**Entries taken from a collection:**
····················

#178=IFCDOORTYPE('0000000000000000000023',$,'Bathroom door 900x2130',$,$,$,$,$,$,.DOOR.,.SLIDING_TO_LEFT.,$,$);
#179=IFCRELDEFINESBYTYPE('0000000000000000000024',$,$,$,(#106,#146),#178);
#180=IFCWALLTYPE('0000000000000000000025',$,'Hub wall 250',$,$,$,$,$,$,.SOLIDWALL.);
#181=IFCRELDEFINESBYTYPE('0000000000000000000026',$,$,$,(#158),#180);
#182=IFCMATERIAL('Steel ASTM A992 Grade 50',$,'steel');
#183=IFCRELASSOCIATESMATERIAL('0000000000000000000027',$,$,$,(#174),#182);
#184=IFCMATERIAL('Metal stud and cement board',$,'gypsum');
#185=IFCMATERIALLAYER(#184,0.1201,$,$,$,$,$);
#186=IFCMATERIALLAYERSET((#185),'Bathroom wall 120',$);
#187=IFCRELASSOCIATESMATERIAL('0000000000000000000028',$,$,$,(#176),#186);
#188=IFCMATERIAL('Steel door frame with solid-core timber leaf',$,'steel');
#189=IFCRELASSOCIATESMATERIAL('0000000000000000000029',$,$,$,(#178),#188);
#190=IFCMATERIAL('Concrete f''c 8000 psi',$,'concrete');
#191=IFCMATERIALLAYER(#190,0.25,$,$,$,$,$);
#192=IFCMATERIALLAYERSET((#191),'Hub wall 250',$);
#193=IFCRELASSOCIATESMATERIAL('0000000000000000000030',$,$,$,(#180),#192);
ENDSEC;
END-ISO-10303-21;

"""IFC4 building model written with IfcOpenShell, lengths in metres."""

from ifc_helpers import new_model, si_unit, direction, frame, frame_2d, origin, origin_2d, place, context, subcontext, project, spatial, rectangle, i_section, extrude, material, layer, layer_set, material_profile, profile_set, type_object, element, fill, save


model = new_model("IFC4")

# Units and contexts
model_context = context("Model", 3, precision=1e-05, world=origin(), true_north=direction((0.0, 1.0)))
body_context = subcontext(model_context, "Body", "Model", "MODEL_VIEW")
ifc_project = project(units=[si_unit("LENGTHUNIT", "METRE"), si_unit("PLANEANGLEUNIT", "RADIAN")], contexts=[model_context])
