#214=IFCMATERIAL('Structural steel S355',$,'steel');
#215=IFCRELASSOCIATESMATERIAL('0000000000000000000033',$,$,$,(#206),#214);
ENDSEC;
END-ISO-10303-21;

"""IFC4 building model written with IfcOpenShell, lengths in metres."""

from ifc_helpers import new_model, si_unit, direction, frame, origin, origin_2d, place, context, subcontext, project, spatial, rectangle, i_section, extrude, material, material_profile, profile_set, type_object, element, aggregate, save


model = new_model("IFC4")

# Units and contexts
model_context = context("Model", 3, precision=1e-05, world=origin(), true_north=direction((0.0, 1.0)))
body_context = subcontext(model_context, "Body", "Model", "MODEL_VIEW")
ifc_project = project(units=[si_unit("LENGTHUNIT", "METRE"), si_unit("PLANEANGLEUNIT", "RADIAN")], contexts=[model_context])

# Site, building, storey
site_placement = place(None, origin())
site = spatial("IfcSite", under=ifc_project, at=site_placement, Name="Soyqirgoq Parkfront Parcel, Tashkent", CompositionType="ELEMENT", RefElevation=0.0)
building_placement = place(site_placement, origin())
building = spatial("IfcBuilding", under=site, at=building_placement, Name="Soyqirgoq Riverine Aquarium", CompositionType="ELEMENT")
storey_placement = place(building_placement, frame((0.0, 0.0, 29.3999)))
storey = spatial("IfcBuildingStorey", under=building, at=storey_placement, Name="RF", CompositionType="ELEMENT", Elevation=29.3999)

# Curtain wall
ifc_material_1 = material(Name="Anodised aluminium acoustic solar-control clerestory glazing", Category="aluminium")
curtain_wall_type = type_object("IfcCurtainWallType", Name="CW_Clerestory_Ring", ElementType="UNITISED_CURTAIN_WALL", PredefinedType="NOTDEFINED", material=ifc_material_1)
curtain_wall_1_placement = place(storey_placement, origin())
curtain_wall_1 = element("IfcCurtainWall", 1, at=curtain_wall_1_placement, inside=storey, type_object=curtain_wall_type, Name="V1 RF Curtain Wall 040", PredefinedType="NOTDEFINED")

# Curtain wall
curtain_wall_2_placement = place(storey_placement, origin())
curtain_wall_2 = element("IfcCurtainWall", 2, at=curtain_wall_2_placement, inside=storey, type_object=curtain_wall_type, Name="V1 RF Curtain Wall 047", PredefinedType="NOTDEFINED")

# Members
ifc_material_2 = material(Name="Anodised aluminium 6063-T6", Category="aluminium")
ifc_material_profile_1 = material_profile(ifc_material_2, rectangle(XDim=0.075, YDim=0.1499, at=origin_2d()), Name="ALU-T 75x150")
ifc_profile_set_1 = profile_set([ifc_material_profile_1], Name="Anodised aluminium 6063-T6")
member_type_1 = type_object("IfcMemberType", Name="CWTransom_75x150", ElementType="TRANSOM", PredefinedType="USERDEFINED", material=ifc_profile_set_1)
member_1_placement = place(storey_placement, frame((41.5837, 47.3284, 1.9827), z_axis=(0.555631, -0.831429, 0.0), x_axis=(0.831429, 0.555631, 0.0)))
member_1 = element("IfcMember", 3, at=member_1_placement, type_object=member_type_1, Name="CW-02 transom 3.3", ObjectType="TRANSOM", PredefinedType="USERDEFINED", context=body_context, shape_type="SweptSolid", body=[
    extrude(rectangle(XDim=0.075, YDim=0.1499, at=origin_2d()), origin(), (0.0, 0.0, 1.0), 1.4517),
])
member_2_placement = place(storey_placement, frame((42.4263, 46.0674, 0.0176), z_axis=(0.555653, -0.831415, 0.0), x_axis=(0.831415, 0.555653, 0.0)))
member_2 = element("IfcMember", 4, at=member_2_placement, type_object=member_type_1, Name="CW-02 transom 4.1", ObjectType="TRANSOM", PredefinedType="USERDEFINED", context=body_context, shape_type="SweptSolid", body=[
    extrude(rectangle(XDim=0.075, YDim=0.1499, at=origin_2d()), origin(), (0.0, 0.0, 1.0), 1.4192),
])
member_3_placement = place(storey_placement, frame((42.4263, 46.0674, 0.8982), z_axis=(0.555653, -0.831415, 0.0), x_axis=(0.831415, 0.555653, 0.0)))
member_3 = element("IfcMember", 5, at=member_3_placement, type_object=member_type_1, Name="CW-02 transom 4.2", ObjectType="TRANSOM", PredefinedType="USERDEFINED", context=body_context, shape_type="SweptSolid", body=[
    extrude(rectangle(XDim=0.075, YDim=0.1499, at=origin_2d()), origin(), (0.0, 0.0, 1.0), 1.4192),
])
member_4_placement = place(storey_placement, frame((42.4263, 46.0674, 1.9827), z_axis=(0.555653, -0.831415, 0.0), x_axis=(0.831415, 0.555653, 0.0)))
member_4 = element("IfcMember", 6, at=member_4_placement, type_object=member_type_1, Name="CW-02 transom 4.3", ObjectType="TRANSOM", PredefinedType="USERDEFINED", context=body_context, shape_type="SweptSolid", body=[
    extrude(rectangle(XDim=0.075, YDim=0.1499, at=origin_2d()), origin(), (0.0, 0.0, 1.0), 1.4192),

····················

**Exercise requirements:** Show every line above in which the word "subcontext" occurs.

**Answer:**
from ifc_helpers import new_model, si_unit, direction, frame, frame_2d, origin, origin_2d, place, context, subcontext, project, spatial, rectangle, i_section, extrude, material, layer, layer_set, material_profile, profile_set, type_object, element, fill, save
body_context = subcontext(model_context, "Body", "Model", "MODEL_VIEW")
from ifc_helpers import new_model, si_unit, direction, frame, origin, origin_2d, place, context, subcontext, project, spatial, rectangle, i_section, extrude, material, material_profile, profile_set, type_object, element, aggregate, save
body_context = subcontext(model_context, "Body", "Model", "MODEL_VIEW")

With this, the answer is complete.